*AVAILABLE DATA*.
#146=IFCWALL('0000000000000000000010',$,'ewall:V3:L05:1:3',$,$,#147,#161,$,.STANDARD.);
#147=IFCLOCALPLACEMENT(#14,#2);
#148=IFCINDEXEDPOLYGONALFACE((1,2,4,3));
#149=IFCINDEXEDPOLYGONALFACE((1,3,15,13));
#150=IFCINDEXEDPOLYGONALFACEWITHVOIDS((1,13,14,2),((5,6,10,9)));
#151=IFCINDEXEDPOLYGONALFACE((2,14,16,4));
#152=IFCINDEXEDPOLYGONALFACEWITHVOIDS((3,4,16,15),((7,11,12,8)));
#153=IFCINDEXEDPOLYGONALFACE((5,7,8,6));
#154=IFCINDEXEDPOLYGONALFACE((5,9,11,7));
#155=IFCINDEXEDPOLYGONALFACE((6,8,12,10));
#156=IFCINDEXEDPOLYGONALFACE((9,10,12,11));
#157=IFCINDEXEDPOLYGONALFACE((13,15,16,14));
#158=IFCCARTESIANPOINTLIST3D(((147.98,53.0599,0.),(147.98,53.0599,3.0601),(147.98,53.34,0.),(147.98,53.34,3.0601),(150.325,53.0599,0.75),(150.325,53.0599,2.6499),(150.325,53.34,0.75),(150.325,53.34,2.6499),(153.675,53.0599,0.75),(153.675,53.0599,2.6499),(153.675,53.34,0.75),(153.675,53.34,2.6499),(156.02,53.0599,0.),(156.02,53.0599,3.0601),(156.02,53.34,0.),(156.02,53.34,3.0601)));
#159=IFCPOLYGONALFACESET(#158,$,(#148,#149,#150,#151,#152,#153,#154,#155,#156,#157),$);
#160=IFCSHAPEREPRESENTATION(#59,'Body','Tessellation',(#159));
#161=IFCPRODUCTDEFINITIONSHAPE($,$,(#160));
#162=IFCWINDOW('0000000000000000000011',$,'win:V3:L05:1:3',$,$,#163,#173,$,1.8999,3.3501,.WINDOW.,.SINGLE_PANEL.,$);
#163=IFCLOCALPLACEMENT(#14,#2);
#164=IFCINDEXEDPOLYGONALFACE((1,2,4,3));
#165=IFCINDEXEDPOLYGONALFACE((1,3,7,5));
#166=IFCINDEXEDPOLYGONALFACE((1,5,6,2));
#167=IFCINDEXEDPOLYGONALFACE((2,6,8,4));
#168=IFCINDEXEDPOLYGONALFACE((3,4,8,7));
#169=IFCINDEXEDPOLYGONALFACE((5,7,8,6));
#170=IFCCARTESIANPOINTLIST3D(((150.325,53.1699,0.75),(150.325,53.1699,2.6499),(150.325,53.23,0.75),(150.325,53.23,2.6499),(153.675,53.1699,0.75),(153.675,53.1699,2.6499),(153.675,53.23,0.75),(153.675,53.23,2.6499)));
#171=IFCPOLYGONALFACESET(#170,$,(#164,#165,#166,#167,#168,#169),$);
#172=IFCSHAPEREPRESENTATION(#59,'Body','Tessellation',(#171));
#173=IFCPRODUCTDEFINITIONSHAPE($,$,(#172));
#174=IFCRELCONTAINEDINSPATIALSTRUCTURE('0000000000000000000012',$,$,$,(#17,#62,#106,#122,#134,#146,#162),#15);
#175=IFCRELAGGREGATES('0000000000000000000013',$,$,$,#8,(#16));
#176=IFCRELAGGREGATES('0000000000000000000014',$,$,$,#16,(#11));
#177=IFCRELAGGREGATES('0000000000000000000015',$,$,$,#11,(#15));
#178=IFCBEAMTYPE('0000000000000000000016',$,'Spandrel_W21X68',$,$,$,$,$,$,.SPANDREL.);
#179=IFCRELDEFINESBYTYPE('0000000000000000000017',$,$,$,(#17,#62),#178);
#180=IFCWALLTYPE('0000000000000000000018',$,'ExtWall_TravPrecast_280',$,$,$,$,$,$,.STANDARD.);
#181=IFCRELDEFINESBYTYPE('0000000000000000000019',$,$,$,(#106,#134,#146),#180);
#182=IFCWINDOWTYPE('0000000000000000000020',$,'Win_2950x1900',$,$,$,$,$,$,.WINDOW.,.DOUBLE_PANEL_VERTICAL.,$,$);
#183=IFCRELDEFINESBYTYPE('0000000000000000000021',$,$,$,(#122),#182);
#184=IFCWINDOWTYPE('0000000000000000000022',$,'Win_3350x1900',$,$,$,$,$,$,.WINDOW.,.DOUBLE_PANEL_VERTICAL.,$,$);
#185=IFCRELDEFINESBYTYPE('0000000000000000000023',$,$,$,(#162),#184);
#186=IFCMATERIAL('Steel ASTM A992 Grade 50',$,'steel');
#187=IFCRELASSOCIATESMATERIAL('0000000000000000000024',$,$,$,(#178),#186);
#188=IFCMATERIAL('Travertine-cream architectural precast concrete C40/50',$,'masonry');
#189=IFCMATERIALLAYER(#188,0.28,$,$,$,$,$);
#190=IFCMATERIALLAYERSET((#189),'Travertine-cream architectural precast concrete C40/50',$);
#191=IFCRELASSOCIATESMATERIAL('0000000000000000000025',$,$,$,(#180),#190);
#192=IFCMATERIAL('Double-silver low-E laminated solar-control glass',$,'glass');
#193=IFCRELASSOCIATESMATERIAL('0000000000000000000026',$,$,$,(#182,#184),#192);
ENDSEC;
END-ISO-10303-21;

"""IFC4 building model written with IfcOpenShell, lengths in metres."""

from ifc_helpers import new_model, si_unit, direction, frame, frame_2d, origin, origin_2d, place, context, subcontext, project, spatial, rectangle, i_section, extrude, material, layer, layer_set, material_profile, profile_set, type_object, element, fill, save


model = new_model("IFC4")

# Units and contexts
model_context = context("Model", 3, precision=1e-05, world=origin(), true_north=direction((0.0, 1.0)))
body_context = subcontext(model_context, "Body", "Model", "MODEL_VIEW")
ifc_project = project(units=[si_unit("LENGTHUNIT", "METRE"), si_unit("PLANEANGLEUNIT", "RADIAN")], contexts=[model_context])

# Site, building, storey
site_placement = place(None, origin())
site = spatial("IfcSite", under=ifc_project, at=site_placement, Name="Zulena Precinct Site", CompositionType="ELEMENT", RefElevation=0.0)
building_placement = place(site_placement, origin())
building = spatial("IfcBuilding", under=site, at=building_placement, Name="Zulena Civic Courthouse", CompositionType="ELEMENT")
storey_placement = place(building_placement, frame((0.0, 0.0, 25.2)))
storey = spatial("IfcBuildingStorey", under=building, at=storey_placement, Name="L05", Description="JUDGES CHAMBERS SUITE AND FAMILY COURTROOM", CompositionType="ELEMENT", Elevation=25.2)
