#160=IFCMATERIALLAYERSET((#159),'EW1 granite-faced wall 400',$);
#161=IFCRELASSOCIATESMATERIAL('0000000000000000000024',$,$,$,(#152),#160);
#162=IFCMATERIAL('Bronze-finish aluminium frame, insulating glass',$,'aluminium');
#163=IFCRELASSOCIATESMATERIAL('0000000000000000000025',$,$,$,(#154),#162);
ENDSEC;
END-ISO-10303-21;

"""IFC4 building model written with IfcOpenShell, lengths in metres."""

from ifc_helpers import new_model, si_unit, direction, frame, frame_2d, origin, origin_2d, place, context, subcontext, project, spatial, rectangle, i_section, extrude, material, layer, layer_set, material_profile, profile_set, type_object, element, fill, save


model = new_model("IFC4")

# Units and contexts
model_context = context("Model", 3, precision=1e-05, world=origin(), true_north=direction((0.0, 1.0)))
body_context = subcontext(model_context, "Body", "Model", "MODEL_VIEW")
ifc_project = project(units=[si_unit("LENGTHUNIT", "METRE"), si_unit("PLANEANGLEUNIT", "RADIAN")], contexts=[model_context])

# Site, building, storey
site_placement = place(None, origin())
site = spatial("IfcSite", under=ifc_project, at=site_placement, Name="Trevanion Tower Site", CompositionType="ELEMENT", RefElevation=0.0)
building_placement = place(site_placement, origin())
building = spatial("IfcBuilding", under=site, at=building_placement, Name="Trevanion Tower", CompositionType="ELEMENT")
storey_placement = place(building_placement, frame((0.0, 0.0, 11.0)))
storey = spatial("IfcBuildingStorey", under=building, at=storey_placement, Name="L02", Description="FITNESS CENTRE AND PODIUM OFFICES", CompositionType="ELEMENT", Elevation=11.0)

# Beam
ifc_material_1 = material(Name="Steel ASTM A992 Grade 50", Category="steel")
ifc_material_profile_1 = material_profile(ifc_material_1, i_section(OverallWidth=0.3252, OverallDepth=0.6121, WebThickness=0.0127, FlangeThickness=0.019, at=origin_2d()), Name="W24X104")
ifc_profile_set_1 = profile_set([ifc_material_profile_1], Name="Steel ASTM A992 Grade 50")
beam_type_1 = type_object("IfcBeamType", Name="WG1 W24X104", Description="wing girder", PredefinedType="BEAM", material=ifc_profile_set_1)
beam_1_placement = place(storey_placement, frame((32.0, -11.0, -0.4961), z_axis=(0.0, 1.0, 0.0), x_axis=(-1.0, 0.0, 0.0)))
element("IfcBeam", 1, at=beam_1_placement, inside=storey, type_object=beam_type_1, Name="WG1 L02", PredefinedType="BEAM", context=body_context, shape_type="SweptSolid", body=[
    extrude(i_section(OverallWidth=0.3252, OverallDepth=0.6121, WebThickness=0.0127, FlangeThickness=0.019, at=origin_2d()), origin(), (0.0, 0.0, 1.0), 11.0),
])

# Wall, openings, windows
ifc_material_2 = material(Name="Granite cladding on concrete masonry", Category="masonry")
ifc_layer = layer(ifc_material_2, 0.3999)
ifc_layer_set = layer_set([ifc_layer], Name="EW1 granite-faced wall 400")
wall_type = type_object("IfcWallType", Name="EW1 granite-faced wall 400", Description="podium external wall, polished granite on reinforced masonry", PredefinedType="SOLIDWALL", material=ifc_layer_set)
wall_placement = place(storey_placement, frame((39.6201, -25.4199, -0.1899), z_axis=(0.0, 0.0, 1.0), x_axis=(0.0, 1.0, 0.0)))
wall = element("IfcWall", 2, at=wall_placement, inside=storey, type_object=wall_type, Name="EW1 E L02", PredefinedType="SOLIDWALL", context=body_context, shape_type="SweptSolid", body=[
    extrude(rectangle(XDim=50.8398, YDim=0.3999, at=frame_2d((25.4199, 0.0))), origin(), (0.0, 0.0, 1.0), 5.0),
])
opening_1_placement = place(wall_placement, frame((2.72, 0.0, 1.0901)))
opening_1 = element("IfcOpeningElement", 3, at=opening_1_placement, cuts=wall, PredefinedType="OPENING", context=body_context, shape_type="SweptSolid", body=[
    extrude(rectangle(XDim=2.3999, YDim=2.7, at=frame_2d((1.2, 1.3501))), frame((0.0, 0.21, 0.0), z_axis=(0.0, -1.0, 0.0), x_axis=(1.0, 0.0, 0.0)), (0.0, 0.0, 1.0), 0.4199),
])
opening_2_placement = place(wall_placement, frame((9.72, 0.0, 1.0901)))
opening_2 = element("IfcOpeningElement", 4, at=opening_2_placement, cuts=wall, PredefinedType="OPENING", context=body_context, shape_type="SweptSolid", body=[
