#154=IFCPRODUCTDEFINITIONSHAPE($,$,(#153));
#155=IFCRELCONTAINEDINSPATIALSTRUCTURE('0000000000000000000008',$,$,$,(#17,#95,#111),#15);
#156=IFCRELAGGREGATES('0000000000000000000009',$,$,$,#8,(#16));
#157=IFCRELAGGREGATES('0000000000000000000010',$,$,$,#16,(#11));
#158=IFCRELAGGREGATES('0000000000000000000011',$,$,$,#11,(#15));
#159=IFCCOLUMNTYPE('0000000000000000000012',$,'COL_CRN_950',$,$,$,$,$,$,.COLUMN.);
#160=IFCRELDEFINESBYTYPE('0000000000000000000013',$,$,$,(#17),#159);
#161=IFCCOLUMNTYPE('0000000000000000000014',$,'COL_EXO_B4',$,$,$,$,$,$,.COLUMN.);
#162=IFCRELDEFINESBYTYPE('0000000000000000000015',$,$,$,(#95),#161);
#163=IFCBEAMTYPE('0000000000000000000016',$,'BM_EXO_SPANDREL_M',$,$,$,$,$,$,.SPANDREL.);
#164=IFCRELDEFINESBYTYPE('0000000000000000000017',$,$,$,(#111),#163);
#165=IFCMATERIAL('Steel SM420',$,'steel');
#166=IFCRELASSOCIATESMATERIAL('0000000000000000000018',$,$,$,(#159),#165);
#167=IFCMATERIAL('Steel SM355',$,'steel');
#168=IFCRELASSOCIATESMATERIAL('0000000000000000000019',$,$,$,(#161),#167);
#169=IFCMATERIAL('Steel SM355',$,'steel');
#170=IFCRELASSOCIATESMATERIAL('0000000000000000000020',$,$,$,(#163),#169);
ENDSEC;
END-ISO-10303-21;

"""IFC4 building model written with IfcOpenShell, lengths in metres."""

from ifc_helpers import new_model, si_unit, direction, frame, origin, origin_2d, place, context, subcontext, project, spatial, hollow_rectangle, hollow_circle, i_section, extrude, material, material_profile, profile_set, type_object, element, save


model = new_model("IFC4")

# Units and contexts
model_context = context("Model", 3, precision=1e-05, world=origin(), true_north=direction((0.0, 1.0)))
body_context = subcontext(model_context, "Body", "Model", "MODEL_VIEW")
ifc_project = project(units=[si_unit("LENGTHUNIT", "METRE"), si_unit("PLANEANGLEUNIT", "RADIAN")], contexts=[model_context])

*YOUR ASSIGNMENT*.
From the start of the data to the line that holds "#150=IFCINDEXEDPOLYGONALFACEWITHVOIDS((1,13,14,2),((5,6,10,9)));", retype each line exactly, with both ends included.

*ANSWER SPACE*.
#146=IFCWALL('0000000000000000000010',$,'ewall:V3:L05:1:3',$,$,#147,#161,$,.STANDARD.);
#147=IFCLOCALPLACEMENT(#14,#2);
#148=IFCINDEXEDPOLYGONALFACE((1,2,4,3));
#149=IFCINDEXEDPOLYGONALFACE((1,3,15,13));
#150=IFCINDEXEDPOLYGONALFACEWITHVOIDS((1,13,14,2),((5,6,10,9)));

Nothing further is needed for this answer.